» What you should do
What is needed here is every line of the records that includes "IFCRELDEFINESBYTYPE".
• • •
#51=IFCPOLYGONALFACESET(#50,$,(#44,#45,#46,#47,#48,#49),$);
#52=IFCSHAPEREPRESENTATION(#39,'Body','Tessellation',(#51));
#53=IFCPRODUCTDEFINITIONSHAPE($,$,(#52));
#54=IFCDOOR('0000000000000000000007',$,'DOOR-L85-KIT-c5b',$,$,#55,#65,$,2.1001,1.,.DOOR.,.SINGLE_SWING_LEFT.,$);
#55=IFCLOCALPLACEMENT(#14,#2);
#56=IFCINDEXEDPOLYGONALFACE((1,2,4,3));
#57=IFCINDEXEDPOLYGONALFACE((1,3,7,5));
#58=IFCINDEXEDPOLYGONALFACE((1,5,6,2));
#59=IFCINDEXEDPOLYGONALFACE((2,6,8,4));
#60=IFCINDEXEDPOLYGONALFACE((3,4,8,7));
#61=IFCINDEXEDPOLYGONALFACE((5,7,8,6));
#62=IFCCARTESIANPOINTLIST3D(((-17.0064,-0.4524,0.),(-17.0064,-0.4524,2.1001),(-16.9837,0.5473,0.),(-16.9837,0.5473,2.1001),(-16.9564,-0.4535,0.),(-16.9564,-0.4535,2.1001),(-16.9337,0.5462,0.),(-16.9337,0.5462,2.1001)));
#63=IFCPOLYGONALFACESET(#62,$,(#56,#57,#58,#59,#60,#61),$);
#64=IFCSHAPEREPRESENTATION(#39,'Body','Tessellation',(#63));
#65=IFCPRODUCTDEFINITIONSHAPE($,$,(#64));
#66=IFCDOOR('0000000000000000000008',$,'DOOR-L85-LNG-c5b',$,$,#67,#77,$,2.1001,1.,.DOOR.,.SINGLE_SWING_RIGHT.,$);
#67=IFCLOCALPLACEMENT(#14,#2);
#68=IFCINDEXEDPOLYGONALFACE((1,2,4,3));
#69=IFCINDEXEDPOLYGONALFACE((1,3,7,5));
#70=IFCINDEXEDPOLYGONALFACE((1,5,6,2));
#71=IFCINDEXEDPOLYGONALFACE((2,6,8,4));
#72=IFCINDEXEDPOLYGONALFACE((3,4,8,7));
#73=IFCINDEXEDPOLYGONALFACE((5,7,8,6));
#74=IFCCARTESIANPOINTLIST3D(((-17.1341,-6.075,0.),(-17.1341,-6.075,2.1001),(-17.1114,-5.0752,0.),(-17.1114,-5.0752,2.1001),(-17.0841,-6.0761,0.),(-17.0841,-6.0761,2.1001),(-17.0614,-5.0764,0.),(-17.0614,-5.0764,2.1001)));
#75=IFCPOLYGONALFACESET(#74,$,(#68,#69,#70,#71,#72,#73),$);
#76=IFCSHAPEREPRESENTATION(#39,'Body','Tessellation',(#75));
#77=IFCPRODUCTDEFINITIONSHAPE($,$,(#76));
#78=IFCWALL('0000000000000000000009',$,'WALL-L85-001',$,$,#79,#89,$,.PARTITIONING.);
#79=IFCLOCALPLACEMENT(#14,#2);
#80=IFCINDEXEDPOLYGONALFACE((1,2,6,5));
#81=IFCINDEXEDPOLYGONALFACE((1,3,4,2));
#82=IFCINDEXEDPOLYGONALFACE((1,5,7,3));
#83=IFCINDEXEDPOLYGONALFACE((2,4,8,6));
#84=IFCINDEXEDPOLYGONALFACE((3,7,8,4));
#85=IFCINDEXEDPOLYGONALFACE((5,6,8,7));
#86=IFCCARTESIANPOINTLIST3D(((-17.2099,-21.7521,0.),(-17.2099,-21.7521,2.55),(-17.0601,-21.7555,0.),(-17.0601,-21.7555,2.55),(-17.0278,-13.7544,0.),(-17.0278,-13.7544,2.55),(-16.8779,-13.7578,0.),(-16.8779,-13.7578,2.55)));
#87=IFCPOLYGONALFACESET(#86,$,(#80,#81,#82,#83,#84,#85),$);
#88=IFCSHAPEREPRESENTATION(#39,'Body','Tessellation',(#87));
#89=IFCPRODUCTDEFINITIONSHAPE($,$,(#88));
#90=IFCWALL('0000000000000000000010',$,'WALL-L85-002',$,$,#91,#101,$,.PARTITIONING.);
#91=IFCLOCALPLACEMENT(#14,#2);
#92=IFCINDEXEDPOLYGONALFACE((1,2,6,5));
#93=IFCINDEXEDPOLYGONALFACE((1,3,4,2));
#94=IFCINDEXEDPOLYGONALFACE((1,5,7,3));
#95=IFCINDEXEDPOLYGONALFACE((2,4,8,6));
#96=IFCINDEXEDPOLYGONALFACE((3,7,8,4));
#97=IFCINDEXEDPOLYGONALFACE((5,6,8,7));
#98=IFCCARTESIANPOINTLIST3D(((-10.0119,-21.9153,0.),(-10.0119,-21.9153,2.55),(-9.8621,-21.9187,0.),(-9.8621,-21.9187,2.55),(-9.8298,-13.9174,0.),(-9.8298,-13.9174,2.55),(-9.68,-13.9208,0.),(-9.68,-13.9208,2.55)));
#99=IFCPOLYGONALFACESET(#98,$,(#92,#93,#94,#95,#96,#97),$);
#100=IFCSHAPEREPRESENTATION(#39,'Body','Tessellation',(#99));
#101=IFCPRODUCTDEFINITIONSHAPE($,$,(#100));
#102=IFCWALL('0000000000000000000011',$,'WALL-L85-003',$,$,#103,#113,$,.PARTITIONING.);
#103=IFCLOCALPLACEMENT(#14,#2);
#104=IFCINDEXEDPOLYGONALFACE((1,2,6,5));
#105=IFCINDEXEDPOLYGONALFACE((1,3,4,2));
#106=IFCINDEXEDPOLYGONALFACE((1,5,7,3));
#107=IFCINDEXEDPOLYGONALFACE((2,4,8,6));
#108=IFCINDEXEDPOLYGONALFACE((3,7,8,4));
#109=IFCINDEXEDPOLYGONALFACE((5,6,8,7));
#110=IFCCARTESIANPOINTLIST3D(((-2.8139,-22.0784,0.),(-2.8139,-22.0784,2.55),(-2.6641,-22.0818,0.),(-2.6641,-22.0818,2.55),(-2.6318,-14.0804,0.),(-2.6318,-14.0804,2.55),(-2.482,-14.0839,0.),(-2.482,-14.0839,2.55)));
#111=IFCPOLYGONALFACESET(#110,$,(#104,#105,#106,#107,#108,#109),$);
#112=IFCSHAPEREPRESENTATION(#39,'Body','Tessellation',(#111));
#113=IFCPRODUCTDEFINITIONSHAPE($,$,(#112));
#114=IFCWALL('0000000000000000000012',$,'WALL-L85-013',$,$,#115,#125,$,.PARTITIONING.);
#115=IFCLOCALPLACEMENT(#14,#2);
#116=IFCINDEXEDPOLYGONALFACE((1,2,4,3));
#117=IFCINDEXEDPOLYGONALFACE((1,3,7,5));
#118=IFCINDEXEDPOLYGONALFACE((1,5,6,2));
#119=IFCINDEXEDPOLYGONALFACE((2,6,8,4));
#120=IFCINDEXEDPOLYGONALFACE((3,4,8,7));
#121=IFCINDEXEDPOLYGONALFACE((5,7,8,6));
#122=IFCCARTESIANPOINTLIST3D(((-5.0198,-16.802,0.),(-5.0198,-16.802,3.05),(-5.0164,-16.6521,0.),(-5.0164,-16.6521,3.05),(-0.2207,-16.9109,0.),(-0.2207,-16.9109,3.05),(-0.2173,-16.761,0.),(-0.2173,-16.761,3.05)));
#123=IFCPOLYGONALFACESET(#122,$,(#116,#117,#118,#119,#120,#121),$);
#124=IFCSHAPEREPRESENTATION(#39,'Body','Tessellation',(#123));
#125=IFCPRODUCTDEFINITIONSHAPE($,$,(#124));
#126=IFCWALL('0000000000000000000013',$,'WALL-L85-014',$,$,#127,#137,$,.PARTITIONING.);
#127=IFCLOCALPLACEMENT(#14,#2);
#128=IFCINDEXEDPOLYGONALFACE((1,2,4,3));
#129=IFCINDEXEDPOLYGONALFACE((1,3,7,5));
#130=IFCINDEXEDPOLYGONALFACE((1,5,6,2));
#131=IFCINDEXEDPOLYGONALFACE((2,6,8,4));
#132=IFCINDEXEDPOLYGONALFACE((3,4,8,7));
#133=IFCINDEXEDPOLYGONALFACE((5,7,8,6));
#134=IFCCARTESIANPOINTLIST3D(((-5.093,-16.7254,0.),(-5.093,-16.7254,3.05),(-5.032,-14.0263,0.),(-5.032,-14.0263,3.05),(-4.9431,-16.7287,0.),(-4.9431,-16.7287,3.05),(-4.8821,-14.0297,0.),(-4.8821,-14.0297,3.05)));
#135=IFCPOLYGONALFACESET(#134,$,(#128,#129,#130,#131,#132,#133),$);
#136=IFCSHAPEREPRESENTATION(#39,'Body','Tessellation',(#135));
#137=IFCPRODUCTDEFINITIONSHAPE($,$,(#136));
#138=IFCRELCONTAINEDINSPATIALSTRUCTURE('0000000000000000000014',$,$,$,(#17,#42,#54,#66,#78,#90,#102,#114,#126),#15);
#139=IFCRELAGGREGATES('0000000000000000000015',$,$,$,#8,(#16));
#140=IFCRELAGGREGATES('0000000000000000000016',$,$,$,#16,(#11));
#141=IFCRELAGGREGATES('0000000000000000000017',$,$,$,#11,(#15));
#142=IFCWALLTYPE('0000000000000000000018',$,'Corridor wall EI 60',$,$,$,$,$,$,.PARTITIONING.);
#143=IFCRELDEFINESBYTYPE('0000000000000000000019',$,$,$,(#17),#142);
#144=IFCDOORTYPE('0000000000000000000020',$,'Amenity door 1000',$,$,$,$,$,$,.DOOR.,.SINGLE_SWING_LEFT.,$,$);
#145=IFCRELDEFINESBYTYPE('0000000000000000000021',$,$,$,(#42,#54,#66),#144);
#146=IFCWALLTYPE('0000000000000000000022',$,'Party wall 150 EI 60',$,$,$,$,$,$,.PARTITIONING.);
• • •
» Output of the task
#143=IFCRELDEFINESBYTYPE('0000000000000000000019',$,$,$,(#17),#142);
#145=IFCRELDEFINESBYTYPE('0000000000000000000021',$,$,$,(#42,#54,#66),#144);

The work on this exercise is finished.